Try it — From the entries below, list each line with "Name".

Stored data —
=== Begin Enclosure ===

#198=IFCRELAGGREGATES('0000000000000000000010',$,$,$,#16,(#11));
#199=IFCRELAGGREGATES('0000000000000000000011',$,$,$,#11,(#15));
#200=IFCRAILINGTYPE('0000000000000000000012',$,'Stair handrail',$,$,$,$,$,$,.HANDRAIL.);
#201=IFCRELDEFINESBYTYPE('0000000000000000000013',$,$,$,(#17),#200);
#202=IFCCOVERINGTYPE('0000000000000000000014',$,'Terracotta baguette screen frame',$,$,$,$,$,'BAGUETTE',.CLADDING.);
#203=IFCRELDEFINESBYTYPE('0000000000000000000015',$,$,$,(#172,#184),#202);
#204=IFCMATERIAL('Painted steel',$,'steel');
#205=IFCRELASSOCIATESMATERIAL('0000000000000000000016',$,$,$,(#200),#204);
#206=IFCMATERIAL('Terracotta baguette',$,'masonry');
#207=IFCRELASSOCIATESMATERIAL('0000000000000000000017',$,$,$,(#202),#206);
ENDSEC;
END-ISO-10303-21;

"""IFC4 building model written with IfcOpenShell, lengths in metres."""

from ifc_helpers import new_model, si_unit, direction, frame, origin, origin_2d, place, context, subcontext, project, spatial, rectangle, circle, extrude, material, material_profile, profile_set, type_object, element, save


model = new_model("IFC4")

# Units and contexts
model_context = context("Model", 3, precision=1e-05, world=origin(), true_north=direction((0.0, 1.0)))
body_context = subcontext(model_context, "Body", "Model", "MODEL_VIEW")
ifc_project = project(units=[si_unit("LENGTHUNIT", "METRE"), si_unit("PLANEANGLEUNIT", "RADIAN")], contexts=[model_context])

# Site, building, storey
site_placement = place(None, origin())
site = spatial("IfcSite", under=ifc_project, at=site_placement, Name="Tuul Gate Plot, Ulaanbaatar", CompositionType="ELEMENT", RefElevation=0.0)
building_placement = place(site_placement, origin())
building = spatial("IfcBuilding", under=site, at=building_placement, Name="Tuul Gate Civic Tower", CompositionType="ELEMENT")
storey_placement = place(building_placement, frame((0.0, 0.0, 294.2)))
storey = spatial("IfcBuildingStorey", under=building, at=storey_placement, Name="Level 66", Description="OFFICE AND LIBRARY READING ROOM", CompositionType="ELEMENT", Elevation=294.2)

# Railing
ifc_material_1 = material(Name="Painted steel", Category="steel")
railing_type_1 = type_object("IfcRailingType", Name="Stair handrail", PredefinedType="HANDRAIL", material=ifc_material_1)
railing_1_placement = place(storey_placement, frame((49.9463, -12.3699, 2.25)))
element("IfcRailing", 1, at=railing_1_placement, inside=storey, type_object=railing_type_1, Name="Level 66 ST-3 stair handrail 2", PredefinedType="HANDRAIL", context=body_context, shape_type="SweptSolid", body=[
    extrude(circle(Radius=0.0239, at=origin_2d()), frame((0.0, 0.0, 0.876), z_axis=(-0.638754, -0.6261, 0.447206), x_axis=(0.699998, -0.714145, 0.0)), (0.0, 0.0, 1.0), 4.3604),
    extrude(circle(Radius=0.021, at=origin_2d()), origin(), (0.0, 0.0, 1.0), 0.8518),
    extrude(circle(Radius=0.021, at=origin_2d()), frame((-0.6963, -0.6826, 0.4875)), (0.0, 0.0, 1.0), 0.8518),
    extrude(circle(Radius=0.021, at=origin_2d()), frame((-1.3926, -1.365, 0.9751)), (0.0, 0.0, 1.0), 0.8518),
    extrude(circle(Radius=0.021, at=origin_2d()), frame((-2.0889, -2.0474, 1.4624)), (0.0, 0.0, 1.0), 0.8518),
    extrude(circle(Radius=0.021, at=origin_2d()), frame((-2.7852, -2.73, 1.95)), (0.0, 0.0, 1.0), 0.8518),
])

=== End Enclosure ===

Output for this exercise —
site = spatial("IfcSite", under=ifc_project, at=site_placement, Name="Tuul Gate Plot, Ulaanbaatar", CompositionType="ELEMENT", RefElevation=0.0)
building = spatial("IfcBuilding", under=site, at=building_placement, Name="Tuul Gate Civic Tower", CompositionType="ELEMENT")
storey = spatial("IfcBuildingStorey", under=building, at=storey_placement, Name="Level 66", Description="OFFICE AND LIBRARY READING ROOM", CompositionType="ELEMENT", Elevation=294.2)
ifc_material_1 = material(Name="Painted steel", Category="steel")
railing_type_1 = type_object("IfcRailingType", Name="Stair handrail", PredefinedType="HANDRAIL", material=ifc_material_1)
element("IfcRailing", 1, at=railing_1_placement, inside=storey, type_object=railing_type_1, Name="Level 66 ST-3 stair handrail 2", PredefinedType="HANDRAIL", context=body_context, shape_type="SweptSolid", body=[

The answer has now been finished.